WHAT IS BEING ASKED:
Nothing should be left out: write out the whole listing exactly.

------------------------------------------------

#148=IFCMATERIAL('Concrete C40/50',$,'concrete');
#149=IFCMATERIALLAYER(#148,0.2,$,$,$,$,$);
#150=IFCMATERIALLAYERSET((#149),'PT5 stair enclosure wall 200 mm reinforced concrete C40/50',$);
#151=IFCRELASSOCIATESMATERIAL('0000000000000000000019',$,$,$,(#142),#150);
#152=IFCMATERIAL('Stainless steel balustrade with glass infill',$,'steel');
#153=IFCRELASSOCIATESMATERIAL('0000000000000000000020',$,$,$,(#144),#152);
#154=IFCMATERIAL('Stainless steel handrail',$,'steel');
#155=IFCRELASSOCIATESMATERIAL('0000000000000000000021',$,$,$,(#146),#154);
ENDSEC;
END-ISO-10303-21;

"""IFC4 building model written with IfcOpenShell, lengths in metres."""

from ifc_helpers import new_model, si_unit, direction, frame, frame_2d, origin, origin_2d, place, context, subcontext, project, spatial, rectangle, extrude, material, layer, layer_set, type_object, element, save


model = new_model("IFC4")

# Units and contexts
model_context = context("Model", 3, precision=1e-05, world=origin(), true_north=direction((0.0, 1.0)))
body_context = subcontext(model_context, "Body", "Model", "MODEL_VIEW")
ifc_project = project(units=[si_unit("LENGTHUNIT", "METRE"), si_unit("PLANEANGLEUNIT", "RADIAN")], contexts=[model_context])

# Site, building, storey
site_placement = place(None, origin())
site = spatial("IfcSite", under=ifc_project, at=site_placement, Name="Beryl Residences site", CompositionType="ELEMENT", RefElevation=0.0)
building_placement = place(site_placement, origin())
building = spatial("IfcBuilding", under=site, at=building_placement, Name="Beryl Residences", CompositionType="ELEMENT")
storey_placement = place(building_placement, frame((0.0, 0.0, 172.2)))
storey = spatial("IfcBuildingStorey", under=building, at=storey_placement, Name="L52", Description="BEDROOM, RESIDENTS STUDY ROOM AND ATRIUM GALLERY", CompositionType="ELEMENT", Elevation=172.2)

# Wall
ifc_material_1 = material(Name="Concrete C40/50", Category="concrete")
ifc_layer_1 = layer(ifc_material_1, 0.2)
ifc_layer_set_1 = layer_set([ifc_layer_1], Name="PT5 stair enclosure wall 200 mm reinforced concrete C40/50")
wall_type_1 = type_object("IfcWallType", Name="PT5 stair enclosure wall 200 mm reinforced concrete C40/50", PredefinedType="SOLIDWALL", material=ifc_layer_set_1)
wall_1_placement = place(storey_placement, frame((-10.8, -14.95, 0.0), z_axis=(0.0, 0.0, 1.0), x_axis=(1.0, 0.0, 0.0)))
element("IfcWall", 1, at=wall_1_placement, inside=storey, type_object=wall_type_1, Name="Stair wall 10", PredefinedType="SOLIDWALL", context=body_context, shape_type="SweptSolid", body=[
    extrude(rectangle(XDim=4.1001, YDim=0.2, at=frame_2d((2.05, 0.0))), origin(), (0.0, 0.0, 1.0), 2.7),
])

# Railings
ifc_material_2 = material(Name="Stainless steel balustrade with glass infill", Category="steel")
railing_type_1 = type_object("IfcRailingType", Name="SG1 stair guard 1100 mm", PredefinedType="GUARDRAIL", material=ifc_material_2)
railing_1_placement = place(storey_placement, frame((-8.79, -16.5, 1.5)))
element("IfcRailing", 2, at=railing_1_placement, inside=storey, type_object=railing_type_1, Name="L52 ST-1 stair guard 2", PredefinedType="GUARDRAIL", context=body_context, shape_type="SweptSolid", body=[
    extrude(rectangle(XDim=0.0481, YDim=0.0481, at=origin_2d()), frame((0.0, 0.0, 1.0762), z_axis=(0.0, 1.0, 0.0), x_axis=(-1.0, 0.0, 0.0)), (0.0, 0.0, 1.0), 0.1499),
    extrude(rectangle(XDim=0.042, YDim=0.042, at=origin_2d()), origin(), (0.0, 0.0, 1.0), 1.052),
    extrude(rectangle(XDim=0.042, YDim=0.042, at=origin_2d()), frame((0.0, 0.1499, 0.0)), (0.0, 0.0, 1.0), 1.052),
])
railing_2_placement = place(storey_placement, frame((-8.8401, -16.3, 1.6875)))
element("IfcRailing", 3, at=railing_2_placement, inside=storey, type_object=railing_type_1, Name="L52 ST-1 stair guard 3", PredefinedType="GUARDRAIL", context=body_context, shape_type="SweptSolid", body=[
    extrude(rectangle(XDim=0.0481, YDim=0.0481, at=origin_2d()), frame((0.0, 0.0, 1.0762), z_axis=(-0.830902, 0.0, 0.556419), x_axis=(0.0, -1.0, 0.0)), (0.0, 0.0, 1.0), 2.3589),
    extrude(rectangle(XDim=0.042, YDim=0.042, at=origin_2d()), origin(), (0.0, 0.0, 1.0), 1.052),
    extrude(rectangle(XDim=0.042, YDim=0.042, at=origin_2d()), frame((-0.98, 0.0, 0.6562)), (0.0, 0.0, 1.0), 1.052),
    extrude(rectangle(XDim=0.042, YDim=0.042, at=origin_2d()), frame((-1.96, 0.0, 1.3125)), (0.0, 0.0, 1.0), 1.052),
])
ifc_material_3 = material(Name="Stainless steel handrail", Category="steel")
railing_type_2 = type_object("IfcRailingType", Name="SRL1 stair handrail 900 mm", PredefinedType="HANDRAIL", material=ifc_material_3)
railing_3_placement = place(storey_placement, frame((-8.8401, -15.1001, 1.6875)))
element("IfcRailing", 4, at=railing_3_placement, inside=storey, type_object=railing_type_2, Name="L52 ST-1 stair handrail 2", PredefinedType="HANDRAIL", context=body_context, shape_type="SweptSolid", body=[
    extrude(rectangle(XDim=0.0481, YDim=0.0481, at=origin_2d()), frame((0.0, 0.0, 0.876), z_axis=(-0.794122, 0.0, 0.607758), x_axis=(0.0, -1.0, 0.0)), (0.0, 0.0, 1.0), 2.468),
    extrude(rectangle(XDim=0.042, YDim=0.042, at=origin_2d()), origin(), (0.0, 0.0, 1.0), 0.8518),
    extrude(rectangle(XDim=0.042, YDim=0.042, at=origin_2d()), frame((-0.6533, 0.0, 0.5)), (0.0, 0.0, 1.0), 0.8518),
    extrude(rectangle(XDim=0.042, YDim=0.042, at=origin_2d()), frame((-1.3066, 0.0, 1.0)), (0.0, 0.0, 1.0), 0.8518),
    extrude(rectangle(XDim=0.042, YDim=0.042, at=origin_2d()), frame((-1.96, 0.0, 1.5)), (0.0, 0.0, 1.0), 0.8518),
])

------------------------------------------------

TASK ANSWER:
#148=IFCMATERIAL('Concrete C40/50',$,'concrete');
#149=IFCMATERIALLAYER(#148,0.2,$,$,$,$,$);
#150=IFCMATERIALLAYERSET((#149),'PT5 stair enclosure wall 200 mm reinforced concrete C40/50',$);
#151=IFCRELASSOCIATESMATERIAL('0000000000000000000019',$,$,$,(#142),#150);
#152=IFCMATERIAL('Stainless steel balustrade with glass infill',$,'steel');
#153=IFCRELASSOCIATESMATERIAL('0000000000000000000020',$,$,$,(#144),#152);
#154=IFCMATERIAL('Stainless steel handrail',$,'steel');
#155=IFCRELASSOCIATESMATERIAL('0000000000000000000021',$,$,$,(#146),#154);
ENDSEC;
END-ISO-10303-21;

"""IFC4 building model written with IfcOpenShell, lengths in metres."""

from ifc_helpers import new_model, si_unit, direction, frame, frame_2d, origin, origin_2d, place, context, subcontext, project, spatial, rectangle, extrude, material, layer, layer_set, type_object, element, save


model = new_model("IFC4")

# Units and contexts
model_context = context("Model", 3, precision=1e-05, world=origin(), true_north=direction((0.0, 1.0)))
body_context = subcontext(model_context, "Body", "Model", "MODEL_VIEW")
ifc_project = project(units=[si_unit("LENGTHUNIT", "METRE"), si_unit("PLANEANGLEUNIT", "RADIAN")], contexts=[model_context])

# Site, building, storey
site_placement = place(None, origin())
site = spatial("IfcSite", under=ifc_project, at=site_placement, Name="Beryl Residences site", CompositionType="ELEMENT", RefElevation=0.0)
building_placement = place(site_placement, origin())
building = spatial("IfcBuilding", under=site, at=building_placement, Name="Beryl Residences", CompositionType="ELEMENT")
storey_placement = place(building_placement, frame((0.0, 0.0, 172.2)))
storey = spatial("IfcBuildingStorey", under=building, at=storey_placement, Name="L52", Description="BEDROOM, RESIDENTS STUDY ROOM AND ATRIUM GALLERY", CompositionType="ELEMENT", Elevation=172.2)

# Wall
ifc_material_1 = material(Name="Concrete C40/50", Category="concrete")
ifc_layer_1 = layer(ifc_material_1, 0.2)
ifc_layer_set_1 = layer_set([ifc_layer_1], Name="PT5 stair enclosure wall 200 mm reinforced concrete C40/50")
wall_type_1 = type_object("IfcWallType", Name="PT5 stair enclosure wall 200 mm reinforced concrete C40/50", PredefinedType="SOLIDWALL", material=ifc_layer_set_1)
wall_1_placement = place(storey_placement, frame((-10.8, -14.95, 0.0), z_axis=(0.0, 0.0, 1.0), x_axis=(1.0, 0.0, 0.0)))
element("IfcWall", 1, at=wall_1_placement, inside=storey, type_object=wall_type_1, Name="Stair wall 10", PredefinedType="SOLIDWALL", context=body_context, shape_type="SweptSolid", body=[
    extrude(rectangle(XDim=4.1001, YDim=0.2, at=frame_2d((2.05, 0.0))), origin(), (0.0, 0.0, 1.0), 2.7),
])

# Railings
ifc_material_2 = material(Name="Stainless steel balustrade with glass infill", Category="steel")
railing_type_1 = type_object("IfcRailingType", Name="SG1 stair guard 1100 mm", PredefinedType="GUARDRAIL", material=ifc_material_2)
railing_1_placement = place(storey_placement, frame((-8.79, -16.5, 1.5)))
element("IfcRailing", 2, at=railing_1_placement, inside=storey, type_object=railing_type_1, Name="L52 ST-1 stair guard 2", PredefinedType="GUARDRAIL", context=body_context, shape_type="SweptSolid", body=[
    extrude(rectangle(XDim=0.0481, YDim=0.0481, at=origin_2d()), frame((0.0, 0.0, 1.0762), z_axis=(0.0, 1.0, 0.0), x_axis=(-1.0, 0.0, 0.0)), (0.0, 0.0, 1.0), 0.1499),
    extrude(rectangle(XDim=0.042, YDim=0.042, at=origin_2d()), origin(), (0.0, 0.0, 1.0), 1.052),
    extrude(rectangle(XDim=0.042, YDim=0.042, at=origin_2d()), frame((0.0, 0.1499, 0.0)), (0.0, 0.0, 1.0), 1.052),
])
railing_2_placement = place(storey_placement, frame((-8.8401, -16.3, 1.6875)))
element("IfcRailing", 3, at=railing_2_placement, inside=storey, type_object=railing_type_1, Name="L52 ST-1 stair guard 3", PredefinedType="GUARDRAIL", context=body_context, shape_type="SweptSolid", body=[
    extrude(rectangle(XDim=0.0481, YDim=0.0481, at=origin_2d()), frame((0.0, 0.0, 1.0762), z_axis=(-0.830902, 0.0, 0.556419), x_axis=(0.0, -1.0, 0.0)), (0.0, 0.0, 1.0), 2.3589),
    extrude(rectangle(XDim=0.042, YDim=0.042, at=origin_2d()), origin(), (0.0, 0.0, 1.0), 1.052),
    extrude(rectangle(XDim=0.042, YDim=0.042, at=origin_2d()), frame((-0.98, 0.0, 0.6562)), (0.0, 0.0, 1.0), 1.052),
    extrude(rectangle(XDim=0.042, YDim=0.042, at=origin_2d()), frame((-1.96, 0.0, 1.3125)), (0.0, 0.0, 1.0), 1.052),
])
ifc_material_3 = material(Name="Stainless steel handrail", Category="steel")
railing_type_2 = type_object("IfcRailingType", Name="SRL1 stair handrail 900 mm", PredefinedType="HANDRAIL", material=ifc_material_3)
railing_3_placement = place(storey_placement, frame((-8.8401, -15.1001, 1.6875)))
element("IfcRailing", 4, at=railing_3_placement, inside=storey, type_object=railing_type_2, Name="L52 ST-1 stair handrail 2", PredefinedType="HANDRAIL", context=body_context, shape_type="SweptSolid", body=[
    extrude(rectangle(XDim=0.0481, YDim=0.0481, at=origin_2d()), frame((0.0, 0.0, 0.876), z_axis=(-0.794122, 0.0, 0.607758), x_axis=(0.0, -1.0, 0.0)), (0.0, 0.0, 1.0), 2.468),
    extrude(rectangle(XDim=0.042, YDim=0.042, at=origin_2d()), origin(), (0.0, 0.0, 1.0), 0.8518),
    extrude(rectangle(XDim=0.042, YDim=0.042, at=origin_2d()), frame((-0.6533, 0.0, 0.5)), (0.0, 0.0, 1.0), 0.8518),
    extrude(rectangle(XDim=0.042, YDim=0.042, at=origin_2d()), frame((-1.3066, 0.0, 1.0)), (0.0, 0.0, 1.0), 0.8518),
    extrude(rectangle(XDim=0.042, YDim=0.042, at=origin_2d()), frame((-1.96, 0.0, 1.5)), (0.0, 0.0, 1.0), 0.8518),
])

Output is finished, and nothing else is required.